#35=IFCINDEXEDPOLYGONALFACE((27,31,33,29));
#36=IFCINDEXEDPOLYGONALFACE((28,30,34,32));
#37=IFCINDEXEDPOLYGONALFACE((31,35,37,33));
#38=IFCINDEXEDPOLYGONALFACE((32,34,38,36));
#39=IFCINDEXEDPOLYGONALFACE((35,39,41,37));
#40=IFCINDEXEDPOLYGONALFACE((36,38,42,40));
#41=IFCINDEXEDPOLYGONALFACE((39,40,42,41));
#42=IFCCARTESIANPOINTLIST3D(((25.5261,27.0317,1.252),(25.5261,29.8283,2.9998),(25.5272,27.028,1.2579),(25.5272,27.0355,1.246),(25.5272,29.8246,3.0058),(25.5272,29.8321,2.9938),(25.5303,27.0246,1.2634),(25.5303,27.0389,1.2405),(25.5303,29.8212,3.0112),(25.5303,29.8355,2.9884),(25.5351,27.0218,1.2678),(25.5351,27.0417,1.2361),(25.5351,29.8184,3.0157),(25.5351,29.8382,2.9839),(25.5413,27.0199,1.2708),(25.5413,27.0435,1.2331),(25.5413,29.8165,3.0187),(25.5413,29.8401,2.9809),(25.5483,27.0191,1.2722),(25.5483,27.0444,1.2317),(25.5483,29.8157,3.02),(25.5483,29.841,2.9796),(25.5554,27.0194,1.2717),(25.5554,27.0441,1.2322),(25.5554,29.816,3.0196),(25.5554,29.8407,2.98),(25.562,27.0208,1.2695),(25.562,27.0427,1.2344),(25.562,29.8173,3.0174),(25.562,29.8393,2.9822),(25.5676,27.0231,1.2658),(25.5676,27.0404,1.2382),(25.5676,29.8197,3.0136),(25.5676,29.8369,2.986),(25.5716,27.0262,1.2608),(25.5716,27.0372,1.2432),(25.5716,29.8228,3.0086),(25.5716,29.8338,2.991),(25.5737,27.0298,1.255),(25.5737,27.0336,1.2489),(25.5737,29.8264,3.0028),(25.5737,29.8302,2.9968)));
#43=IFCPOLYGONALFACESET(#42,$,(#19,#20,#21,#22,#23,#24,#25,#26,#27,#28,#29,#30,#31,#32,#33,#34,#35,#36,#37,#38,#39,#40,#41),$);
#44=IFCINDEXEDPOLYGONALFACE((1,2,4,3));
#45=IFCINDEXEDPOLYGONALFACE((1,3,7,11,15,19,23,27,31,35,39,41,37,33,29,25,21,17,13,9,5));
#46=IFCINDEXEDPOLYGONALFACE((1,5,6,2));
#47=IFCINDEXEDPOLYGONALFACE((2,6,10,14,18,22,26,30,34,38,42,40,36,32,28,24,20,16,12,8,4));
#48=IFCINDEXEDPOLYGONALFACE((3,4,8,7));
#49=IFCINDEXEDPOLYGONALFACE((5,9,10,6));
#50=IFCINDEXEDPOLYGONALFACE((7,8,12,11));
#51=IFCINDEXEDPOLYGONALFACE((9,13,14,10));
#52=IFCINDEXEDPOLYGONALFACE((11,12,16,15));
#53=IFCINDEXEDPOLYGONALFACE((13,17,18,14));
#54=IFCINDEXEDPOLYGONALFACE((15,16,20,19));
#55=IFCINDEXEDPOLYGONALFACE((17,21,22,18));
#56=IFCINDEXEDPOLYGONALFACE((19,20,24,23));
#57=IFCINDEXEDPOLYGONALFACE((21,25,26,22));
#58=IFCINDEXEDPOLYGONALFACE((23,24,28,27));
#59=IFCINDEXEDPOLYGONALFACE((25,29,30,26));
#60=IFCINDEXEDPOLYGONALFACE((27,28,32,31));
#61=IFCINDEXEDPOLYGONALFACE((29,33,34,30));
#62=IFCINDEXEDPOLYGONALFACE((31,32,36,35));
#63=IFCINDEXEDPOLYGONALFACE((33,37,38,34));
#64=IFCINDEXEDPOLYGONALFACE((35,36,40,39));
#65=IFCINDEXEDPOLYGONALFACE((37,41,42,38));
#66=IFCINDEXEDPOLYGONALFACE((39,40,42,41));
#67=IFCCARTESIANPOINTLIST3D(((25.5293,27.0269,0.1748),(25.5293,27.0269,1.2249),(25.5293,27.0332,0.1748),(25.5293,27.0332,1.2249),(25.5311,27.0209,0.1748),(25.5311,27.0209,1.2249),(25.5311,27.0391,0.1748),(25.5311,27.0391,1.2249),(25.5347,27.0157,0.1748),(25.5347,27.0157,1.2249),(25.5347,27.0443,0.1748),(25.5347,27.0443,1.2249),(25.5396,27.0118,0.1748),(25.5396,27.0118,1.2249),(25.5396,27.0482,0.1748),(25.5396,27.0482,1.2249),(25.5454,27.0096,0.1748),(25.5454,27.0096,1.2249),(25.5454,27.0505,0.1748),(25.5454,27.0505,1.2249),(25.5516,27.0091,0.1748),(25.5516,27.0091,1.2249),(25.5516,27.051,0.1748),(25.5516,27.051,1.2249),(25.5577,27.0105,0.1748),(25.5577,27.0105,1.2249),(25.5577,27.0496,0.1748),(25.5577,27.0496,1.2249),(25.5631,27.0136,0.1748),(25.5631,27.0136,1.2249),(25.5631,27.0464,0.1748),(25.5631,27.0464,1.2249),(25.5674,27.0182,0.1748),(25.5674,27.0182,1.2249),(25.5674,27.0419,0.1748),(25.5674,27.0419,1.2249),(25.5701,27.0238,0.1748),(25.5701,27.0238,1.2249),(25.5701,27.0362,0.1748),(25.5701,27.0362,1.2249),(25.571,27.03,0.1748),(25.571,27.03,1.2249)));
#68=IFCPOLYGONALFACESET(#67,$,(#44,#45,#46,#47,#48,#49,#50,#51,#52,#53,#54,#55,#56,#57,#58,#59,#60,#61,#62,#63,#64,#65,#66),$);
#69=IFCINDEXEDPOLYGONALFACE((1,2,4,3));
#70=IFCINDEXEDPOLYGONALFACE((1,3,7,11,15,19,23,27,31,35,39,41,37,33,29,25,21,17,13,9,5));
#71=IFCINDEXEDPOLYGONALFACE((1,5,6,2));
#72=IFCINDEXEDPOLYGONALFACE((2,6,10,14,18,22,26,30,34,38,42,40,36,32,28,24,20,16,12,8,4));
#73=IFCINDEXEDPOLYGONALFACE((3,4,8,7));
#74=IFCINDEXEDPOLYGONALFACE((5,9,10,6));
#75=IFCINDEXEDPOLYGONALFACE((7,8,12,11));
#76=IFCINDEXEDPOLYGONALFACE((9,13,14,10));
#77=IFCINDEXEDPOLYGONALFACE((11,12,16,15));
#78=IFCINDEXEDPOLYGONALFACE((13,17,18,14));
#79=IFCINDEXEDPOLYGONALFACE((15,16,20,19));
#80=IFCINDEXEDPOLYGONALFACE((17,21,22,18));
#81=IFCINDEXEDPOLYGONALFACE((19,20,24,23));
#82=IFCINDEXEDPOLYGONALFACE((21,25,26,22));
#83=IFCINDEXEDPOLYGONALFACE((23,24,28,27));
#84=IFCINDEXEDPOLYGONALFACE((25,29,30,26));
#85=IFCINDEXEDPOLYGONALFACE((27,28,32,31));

## Task instructions
What number of lines in the data contain the word "IFCPOLYGONALFACESET"? Give the number and nothing else.

## Solved problem
2